• _Work request_:
Below this line is the material. Write out only its lines from the one containing "frame((2.5859, 0.0, 0.0)))" through the one containing "door_1_placement = place(opening_1_placement, origin())", both kept, exactly.

• _The data_:
== Segment start ==
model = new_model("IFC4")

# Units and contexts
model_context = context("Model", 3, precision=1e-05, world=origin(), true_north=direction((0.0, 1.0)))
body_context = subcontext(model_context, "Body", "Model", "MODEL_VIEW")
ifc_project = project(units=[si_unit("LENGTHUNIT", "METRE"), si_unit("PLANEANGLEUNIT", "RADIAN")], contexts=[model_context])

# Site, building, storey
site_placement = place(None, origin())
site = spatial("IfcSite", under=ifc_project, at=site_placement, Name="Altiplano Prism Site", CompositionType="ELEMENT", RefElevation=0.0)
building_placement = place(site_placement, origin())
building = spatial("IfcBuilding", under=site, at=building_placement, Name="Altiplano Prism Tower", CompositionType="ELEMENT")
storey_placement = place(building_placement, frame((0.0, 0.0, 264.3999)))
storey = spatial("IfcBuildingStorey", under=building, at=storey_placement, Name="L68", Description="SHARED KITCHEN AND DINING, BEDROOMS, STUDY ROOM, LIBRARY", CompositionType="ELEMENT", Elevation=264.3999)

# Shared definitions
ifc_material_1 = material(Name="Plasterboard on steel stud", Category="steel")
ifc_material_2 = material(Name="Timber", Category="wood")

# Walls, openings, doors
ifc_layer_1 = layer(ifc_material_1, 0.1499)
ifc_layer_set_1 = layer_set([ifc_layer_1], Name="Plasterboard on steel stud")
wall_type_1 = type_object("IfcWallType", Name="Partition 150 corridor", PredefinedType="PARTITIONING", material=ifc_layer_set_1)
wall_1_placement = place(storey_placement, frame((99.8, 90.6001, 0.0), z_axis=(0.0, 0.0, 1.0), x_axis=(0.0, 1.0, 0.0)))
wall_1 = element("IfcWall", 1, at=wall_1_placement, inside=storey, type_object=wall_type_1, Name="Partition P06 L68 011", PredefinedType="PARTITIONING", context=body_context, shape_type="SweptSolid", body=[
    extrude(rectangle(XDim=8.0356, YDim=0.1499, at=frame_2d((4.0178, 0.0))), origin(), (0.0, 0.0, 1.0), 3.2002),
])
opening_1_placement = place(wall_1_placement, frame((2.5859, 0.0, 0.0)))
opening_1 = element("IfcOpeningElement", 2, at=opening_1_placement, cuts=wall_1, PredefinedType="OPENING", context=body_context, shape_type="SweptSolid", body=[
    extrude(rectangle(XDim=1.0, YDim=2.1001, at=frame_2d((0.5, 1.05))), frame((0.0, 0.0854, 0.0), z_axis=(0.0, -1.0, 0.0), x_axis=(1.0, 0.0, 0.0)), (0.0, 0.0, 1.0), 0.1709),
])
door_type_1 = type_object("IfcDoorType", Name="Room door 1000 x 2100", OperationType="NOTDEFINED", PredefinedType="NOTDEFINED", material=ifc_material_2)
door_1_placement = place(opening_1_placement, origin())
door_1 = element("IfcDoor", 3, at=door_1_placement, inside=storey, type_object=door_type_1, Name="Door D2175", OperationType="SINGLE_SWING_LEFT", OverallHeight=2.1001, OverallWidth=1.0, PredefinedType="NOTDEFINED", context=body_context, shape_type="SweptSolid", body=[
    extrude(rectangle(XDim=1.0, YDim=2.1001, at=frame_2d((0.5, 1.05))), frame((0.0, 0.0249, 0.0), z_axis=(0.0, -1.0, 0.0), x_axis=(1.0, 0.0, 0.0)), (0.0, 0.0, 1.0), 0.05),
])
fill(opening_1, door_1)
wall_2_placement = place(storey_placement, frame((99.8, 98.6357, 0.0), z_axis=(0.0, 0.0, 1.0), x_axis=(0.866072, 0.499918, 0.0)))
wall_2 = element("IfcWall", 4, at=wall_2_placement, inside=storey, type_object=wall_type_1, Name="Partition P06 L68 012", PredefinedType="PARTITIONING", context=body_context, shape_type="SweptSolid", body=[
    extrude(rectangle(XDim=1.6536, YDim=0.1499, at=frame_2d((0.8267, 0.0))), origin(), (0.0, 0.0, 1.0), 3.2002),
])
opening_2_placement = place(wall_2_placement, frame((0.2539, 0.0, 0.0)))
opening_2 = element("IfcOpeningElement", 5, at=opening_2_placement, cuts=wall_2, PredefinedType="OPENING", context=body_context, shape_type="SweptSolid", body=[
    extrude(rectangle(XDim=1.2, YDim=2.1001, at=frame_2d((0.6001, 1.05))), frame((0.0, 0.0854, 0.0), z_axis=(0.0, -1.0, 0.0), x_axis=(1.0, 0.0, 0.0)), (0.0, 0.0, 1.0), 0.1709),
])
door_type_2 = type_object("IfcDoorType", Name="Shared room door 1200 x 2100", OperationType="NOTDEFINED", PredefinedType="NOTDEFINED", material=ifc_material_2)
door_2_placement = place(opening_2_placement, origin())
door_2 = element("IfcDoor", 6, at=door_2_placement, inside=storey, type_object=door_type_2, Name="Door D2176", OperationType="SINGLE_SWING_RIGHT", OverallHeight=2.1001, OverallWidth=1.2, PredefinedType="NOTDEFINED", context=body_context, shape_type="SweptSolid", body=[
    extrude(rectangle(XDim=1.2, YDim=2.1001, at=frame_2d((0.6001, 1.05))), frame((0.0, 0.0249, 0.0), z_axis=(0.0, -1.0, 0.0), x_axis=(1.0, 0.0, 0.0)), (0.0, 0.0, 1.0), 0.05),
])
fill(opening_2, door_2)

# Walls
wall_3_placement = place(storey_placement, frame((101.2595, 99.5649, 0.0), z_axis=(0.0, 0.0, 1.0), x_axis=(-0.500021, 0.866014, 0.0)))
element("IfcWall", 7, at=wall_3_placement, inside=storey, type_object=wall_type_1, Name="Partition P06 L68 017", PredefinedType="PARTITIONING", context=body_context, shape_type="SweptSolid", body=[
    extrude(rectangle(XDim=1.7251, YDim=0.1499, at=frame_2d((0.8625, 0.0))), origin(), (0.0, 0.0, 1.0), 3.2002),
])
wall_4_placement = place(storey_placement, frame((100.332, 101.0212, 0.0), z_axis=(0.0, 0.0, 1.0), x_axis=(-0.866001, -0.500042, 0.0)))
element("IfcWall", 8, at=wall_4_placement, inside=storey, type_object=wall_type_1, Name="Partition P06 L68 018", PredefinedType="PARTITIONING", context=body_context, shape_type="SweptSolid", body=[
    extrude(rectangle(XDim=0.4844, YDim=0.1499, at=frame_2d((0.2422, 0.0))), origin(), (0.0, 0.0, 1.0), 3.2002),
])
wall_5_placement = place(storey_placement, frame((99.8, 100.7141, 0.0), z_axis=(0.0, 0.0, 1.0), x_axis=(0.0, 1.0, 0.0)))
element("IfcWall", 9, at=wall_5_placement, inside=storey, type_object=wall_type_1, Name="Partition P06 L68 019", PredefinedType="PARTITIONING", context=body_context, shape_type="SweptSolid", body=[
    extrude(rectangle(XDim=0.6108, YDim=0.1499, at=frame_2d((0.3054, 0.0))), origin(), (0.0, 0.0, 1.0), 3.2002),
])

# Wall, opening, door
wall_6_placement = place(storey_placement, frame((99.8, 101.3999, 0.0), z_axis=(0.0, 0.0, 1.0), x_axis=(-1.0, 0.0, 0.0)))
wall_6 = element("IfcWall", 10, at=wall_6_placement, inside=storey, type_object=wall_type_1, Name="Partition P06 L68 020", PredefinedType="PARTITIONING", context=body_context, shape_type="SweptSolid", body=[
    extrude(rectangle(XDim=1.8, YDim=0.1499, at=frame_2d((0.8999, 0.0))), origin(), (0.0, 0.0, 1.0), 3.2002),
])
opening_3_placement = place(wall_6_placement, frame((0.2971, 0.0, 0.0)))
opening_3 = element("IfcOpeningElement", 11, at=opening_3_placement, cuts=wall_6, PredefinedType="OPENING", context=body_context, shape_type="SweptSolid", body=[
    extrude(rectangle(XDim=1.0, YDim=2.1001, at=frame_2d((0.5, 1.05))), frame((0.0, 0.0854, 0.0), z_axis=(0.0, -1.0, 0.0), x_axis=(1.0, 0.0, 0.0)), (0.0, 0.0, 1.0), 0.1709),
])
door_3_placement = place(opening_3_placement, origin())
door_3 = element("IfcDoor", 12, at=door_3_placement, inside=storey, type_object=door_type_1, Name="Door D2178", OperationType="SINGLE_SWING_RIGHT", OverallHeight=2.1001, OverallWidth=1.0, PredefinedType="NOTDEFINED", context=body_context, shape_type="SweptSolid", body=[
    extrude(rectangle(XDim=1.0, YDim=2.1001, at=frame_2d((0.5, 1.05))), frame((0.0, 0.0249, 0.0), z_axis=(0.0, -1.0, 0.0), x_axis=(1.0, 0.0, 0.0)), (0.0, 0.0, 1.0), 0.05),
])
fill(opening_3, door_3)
== Segment end ==
== Segment start ==
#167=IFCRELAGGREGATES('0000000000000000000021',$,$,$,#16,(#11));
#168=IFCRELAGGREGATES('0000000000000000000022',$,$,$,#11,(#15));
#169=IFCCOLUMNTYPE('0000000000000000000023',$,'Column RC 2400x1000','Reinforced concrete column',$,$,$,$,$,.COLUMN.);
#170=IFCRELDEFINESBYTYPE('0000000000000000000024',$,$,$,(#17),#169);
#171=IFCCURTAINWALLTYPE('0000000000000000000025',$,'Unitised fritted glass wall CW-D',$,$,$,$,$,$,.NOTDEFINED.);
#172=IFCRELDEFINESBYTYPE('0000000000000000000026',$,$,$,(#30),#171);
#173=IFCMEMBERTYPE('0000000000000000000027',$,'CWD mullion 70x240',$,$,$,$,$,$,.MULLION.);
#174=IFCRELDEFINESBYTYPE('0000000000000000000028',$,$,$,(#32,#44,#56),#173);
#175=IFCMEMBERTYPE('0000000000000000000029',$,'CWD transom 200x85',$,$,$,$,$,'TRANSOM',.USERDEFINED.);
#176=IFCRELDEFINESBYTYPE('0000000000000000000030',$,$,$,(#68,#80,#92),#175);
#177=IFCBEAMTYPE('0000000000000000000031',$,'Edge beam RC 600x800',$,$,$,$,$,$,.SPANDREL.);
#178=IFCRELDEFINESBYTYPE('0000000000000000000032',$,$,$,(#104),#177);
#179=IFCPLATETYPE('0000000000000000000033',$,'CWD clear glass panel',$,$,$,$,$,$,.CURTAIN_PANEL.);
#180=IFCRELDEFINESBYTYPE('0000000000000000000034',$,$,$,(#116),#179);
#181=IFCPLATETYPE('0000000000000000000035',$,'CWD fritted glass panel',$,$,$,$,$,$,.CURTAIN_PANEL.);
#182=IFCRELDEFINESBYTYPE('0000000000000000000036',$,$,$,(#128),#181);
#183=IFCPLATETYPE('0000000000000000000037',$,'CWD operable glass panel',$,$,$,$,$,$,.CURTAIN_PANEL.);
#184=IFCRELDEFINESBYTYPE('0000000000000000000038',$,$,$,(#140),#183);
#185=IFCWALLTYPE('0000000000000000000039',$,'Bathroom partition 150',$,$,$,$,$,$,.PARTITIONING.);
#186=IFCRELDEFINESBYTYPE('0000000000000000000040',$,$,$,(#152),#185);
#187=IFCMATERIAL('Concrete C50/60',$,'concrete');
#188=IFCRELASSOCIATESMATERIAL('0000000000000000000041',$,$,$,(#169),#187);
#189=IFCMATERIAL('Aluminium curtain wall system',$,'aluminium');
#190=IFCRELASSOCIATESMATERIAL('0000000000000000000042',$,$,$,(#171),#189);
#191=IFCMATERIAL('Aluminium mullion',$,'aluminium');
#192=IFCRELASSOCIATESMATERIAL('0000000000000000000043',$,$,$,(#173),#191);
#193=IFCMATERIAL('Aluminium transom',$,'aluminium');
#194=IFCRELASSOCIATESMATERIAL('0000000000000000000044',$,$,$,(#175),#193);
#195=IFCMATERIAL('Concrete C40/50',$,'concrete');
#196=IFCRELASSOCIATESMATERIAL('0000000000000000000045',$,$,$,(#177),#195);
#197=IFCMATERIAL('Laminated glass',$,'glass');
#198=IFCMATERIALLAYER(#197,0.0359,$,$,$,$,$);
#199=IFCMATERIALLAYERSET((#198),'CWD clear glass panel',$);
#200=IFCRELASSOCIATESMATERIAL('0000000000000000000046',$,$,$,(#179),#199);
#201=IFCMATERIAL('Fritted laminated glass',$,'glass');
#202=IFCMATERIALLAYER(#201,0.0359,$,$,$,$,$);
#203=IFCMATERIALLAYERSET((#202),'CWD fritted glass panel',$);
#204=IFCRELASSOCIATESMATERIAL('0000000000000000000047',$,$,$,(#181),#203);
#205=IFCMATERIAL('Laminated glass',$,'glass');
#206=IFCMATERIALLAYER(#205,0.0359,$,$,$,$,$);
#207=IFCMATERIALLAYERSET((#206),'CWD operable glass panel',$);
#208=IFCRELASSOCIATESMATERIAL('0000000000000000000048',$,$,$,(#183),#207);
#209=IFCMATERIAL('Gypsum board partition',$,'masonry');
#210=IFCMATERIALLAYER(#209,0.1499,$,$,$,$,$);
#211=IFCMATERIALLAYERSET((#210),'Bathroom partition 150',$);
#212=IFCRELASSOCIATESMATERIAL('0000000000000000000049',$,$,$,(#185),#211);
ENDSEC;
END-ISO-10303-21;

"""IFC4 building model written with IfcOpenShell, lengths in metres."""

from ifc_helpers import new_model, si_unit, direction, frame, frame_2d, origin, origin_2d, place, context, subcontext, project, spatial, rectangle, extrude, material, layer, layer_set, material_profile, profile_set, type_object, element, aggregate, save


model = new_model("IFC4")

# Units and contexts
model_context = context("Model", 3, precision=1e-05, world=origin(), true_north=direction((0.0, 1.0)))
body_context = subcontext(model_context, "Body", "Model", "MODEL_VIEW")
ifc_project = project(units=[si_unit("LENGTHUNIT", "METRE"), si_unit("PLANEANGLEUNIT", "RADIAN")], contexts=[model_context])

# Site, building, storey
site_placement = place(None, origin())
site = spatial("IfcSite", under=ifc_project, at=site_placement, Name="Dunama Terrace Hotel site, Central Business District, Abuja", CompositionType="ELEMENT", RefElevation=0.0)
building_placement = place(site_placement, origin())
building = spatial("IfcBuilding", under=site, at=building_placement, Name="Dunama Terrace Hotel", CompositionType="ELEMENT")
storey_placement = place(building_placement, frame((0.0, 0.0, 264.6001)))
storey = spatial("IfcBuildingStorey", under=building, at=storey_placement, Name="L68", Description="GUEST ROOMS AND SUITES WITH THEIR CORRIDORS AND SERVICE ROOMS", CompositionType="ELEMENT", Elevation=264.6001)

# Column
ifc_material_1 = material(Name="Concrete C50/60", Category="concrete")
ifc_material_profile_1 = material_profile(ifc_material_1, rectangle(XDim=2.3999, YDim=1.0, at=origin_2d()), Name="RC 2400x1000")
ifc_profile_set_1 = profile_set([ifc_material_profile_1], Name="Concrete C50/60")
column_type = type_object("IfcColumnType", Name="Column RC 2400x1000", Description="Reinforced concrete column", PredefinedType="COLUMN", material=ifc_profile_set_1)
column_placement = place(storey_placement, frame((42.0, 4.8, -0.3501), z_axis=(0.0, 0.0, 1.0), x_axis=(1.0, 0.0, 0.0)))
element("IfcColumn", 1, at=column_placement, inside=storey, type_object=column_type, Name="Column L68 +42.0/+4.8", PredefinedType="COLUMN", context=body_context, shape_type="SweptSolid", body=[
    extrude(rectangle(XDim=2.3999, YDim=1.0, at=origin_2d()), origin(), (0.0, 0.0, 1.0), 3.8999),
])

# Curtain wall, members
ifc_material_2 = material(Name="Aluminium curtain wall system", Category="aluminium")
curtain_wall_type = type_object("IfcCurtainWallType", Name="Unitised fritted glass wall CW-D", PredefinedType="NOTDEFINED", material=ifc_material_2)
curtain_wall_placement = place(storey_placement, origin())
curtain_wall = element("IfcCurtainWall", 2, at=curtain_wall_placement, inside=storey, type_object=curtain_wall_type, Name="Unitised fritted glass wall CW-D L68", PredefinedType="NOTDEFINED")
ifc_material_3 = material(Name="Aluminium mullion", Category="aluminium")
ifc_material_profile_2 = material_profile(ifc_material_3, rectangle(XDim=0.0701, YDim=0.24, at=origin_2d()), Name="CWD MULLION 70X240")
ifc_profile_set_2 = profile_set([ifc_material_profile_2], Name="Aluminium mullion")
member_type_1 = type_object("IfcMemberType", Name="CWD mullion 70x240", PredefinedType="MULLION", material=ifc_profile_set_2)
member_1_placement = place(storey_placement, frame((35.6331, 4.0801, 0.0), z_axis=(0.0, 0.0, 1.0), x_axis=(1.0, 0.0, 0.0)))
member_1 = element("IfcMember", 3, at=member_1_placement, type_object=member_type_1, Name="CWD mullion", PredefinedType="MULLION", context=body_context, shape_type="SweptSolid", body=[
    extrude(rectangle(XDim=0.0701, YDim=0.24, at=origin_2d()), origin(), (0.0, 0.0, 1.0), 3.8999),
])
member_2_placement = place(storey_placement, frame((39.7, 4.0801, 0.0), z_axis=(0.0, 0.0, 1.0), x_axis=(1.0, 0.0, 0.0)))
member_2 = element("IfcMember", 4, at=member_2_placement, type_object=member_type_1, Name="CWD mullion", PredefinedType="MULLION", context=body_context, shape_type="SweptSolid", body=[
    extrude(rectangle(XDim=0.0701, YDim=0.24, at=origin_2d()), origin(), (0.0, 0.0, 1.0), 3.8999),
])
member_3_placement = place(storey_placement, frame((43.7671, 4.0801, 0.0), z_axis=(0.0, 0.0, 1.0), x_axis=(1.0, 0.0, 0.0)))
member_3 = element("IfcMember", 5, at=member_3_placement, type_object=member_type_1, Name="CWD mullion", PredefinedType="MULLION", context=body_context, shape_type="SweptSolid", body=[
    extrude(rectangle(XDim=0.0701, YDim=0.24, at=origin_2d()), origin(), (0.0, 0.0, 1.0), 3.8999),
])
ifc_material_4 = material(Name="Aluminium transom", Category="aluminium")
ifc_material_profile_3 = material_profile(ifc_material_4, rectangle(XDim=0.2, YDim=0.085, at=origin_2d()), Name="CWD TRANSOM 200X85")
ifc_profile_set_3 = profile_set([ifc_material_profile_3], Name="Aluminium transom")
== Segment end ==
• _Finished task_:
opening_1_placement = place(wall_1_placement, frame((2.5859, 0.0, 0.0)))
opening_1 = element("IfcOpeningElement", 2, at=opening_1_placement, cuts=wall_1, PredefinedType="OPENING", context=body_context, shape_type="SweptSolid", body=[
    extrude(rectangle(XDim=1.0, YDim=2.1001, at=frame_2d((0.5, 1.05))), frame((0.0, 0.0854, 0.0), z_axis=(0.0, -1.0, 0.0), x_axis=(1.0, 0.0, 0.0)), (0.0, 0.0, 1.0), 0.1709),
])
door_type_1 = type_object("IfcDoorType", Name="Room door 1000 x 2100", OperationType="NOTDEFINED", PredefinedType="NOTDEFINED", material=ifc_material_2)
door_1_placement = place(opening_1_placement, origin())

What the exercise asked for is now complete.